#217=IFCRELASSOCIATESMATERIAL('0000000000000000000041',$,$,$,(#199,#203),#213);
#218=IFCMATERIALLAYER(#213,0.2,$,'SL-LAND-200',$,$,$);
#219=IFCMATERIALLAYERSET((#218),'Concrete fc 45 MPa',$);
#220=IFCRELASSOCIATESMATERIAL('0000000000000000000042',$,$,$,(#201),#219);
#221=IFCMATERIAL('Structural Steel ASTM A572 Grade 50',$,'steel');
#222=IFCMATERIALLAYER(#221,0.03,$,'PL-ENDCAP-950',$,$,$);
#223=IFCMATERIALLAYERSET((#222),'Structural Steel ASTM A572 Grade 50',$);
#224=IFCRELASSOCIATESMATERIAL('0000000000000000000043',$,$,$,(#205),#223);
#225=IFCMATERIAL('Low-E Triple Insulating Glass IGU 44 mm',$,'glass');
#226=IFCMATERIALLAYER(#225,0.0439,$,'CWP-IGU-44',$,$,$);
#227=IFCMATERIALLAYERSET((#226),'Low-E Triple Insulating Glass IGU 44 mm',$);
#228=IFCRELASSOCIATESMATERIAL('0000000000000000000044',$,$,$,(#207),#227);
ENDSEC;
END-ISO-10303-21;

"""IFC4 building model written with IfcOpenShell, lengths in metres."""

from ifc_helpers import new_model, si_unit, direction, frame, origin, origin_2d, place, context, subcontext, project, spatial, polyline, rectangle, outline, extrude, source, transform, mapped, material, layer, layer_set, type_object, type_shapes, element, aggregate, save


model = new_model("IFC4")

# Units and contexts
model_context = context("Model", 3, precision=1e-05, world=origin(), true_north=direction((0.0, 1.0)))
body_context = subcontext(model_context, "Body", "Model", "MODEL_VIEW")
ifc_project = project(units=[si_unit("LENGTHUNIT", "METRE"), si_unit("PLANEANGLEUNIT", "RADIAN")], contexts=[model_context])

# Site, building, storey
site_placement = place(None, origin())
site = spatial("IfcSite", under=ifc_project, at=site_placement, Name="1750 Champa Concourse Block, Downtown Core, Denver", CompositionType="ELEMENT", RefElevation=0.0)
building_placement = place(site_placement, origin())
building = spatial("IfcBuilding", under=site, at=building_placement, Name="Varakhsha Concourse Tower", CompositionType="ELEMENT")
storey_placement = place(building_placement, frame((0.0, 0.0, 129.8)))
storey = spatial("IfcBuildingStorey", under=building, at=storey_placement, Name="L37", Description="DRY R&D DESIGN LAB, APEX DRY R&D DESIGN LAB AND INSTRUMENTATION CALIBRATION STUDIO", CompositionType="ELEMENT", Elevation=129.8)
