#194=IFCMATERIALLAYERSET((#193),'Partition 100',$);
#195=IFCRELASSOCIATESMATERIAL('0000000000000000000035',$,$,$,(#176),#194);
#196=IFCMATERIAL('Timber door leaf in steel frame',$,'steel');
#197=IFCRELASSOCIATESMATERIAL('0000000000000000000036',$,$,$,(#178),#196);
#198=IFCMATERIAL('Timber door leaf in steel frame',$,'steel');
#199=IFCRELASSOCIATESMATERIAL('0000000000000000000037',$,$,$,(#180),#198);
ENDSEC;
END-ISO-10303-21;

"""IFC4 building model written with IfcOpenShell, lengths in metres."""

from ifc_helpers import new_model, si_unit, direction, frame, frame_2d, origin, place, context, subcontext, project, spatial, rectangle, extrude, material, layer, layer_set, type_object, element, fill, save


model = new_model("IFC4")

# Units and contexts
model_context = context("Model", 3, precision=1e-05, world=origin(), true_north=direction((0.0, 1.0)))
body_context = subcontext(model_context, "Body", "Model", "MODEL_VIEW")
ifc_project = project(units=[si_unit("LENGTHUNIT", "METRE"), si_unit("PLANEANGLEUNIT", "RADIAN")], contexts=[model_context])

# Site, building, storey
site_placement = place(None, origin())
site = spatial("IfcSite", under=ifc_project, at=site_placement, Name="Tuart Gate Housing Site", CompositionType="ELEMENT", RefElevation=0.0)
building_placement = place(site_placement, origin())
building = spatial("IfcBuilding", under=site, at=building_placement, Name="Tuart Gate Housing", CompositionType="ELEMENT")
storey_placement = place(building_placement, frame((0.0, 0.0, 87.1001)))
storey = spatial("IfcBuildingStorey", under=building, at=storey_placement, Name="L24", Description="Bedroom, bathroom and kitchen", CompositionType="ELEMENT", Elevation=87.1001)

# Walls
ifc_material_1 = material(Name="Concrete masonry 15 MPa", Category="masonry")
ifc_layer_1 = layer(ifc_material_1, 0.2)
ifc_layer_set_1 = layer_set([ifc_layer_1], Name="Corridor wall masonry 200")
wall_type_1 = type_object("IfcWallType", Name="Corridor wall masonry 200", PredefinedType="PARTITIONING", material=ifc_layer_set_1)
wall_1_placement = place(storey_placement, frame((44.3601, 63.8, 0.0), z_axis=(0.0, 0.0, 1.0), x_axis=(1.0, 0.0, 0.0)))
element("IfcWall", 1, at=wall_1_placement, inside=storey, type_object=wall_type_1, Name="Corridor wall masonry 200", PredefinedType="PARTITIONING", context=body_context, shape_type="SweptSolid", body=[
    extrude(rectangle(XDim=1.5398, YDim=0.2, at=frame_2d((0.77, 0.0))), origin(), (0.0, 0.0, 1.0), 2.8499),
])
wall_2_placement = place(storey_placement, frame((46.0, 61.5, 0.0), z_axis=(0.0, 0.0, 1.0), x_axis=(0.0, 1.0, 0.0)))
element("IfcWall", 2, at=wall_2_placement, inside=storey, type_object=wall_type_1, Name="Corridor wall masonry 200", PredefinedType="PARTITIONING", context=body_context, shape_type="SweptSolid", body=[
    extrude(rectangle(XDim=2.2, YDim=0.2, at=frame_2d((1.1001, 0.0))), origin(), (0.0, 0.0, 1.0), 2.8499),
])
--- --- ---
» **Exercise description**
What is needed is the number of lines in the entries that contain the word "Housing", written alone.

» **Reply**
2